__Task instructions__:
If a line in the data has the string "Punched", please show it.

--------

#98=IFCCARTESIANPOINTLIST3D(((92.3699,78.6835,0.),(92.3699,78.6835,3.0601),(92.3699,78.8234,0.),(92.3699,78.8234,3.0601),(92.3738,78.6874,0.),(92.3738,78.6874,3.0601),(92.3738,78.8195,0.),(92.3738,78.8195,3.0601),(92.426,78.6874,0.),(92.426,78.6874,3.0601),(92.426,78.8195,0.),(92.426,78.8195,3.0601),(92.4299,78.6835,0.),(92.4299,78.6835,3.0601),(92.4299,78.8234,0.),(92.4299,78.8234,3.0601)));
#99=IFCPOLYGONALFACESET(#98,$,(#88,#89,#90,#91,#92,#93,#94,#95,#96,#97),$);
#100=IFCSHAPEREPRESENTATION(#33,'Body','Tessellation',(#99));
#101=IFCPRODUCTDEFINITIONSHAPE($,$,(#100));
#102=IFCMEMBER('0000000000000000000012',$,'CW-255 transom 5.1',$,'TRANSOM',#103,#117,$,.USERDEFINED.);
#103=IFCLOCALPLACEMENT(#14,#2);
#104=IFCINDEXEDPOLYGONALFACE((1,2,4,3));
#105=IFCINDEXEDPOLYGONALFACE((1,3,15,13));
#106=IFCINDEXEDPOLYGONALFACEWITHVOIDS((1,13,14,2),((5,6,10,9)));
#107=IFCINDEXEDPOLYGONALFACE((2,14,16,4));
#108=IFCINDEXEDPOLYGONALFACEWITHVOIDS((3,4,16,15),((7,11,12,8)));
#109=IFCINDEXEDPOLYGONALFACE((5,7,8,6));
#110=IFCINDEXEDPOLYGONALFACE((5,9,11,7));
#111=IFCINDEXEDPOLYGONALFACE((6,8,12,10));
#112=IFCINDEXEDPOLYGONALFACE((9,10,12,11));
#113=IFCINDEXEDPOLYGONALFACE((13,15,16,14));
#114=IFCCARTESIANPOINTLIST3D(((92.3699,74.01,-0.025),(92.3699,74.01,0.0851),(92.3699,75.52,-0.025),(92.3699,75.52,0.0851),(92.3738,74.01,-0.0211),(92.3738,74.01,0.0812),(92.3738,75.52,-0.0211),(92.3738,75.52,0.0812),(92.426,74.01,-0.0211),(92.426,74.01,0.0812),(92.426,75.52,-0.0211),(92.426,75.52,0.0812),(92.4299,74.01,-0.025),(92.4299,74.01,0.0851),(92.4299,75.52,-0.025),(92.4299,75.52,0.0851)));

--------

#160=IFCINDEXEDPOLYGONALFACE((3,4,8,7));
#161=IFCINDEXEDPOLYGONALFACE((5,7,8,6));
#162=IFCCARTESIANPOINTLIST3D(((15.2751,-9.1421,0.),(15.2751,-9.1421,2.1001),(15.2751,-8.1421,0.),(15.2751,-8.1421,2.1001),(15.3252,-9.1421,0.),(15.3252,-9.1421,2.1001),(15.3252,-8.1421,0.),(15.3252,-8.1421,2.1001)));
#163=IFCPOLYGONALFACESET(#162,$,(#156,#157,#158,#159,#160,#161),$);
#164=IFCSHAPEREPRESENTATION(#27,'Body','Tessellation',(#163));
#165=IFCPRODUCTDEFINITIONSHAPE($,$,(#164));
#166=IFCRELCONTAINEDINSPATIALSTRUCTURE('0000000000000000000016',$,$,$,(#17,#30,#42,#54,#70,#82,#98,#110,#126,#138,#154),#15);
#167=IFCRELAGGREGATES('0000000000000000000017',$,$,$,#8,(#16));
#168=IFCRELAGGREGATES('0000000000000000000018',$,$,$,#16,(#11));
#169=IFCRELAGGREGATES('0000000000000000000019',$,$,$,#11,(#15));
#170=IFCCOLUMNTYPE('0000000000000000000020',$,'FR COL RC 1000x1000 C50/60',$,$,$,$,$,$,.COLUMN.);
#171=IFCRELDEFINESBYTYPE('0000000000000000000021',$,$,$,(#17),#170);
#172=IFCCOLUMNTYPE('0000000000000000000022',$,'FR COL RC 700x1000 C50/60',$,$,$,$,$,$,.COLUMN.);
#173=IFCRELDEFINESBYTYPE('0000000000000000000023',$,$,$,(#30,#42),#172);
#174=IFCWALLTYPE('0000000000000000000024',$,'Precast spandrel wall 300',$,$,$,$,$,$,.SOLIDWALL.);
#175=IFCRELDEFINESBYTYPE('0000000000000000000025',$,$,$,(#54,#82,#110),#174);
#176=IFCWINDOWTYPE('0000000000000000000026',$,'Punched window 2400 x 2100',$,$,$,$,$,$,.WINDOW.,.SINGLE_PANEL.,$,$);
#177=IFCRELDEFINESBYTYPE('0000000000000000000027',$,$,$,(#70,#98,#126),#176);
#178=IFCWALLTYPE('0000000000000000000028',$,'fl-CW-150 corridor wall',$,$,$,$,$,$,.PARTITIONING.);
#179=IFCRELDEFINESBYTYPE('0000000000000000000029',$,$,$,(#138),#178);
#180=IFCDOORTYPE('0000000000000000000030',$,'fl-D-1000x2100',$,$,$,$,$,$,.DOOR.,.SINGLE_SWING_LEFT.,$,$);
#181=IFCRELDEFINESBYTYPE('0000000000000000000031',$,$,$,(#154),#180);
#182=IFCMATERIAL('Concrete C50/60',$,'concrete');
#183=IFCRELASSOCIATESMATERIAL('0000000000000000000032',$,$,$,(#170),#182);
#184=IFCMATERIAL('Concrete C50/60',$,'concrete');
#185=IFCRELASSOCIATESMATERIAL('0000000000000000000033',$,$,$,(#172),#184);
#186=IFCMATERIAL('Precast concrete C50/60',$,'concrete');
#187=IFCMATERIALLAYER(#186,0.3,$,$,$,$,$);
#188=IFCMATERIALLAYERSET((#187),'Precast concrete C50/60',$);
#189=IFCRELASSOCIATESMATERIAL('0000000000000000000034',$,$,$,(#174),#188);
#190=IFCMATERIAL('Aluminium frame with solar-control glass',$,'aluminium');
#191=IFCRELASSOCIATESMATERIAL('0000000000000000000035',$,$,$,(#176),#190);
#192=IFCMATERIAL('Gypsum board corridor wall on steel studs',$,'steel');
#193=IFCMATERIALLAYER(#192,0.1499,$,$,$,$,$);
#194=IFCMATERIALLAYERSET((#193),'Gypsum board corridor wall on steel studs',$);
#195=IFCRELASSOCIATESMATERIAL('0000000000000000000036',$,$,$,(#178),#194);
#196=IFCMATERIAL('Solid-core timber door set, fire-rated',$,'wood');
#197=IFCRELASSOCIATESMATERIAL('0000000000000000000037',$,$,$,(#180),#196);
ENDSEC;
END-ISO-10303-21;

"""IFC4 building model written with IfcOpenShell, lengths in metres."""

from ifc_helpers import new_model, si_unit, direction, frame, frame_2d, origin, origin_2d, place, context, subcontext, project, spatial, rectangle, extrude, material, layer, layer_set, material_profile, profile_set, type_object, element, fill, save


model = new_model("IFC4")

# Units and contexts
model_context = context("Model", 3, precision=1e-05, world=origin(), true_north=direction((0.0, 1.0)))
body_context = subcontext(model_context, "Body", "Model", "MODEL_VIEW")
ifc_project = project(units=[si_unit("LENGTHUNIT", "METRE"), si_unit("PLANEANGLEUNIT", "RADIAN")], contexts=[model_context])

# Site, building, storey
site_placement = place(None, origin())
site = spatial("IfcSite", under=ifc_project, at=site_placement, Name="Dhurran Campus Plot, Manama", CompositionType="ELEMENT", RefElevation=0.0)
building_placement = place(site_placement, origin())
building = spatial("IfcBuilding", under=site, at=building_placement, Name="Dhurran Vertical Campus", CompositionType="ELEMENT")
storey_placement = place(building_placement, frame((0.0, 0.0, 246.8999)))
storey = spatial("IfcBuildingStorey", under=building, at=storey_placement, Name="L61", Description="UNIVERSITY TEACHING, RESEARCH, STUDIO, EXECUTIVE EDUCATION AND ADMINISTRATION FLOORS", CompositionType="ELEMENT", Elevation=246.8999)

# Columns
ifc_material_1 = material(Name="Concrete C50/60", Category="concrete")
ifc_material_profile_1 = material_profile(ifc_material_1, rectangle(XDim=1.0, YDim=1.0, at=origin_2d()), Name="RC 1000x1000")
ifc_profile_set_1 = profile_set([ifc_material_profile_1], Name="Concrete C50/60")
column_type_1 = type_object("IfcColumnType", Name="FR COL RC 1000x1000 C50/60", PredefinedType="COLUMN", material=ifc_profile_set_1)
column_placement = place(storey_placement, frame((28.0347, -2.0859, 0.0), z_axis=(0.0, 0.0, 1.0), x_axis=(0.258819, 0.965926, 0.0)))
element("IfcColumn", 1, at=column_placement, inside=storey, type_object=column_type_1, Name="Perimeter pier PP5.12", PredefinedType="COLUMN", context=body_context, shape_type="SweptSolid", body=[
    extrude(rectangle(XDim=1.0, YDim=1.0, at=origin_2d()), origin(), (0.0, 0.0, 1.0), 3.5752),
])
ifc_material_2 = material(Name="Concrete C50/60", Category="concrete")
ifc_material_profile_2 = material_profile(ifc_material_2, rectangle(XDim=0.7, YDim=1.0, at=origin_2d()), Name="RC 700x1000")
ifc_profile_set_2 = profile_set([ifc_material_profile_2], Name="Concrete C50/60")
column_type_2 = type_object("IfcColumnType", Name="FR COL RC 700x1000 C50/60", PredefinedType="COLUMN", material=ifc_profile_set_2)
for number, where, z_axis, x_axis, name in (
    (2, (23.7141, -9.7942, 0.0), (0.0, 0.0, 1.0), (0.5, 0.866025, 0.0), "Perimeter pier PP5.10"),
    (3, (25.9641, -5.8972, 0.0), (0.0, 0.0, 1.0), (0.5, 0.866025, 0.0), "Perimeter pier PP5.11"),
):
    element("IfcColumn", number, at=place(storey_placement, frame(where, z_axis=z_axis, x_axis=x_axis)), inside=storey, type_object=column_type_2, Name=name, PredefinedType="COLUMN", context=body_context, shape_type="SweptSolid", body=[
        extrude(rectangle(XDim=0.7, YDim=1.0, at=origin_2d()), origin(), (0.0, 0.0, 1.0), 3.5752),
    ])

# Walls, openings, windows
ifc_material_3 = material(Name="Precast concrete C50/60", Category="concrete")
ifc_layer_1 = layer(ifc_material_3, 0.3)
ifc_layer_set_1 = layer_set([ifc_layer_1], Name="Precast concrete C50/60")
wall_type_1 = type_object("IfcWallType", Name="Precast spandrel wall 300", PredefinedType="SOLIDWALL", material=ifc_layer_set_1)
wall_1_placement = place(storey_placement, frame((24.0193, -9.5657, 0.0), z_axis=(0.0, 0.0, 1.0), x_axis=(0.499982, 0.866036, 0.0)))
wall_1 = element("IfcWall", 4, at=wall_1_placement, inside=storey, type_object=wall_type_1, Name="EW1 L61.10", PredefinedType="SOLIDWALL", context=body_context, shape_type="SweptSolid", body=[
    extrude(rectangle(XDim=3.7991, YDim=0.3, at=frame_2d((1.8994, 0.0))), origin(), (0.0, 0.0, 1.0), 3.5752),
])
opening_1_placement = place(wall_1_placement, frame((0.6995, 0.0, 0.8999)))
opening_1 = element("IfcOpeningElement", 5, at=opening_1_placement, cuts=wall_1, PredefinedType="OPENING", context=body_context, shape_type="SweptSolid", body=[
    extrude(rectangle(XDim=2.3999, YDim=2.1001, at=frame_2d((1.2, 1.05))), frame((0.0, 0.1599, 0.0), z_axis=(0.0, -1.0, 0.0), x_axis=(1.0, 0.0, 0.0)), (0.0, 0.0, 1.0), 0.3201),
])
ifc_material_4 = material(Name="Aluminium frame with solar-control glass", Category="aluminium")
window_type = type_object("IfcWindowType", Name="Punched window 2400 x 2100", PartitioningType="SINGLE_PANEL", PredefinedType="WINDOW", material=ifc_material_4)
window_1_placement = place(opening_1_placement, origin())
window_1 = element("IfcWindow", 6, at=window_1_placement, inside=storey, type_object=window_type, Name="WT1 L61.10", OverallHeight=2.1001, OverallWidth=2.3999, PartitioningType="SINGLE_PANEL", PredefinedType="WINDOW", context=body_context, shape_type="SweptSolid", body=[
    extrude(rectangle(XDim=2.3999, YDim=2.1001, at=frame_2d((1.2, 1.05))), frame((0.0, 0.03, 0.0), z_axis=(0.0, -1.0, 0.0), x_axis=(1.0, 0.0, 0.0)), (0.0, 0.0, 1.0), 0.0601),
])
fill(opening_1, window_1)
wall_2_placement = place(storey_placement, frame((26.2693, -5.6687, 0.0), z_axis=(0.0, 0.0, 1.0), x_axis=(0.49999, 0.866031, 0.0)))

--------

__Response__:
#176=IFCWINDOWTYPE('0000000000000000000026',$,'Punched window 2400 x 2100',$,$,$,$,$,$,.WINDOW.,.SINGLE_PANEL.,$,$);
window_type = type_object("IfcWindowType", Name="Punched window 2400 x 2100", PartitioningType="SINGLE_PANEL", PredefinedType="WINDOW", material=ifc_material_4)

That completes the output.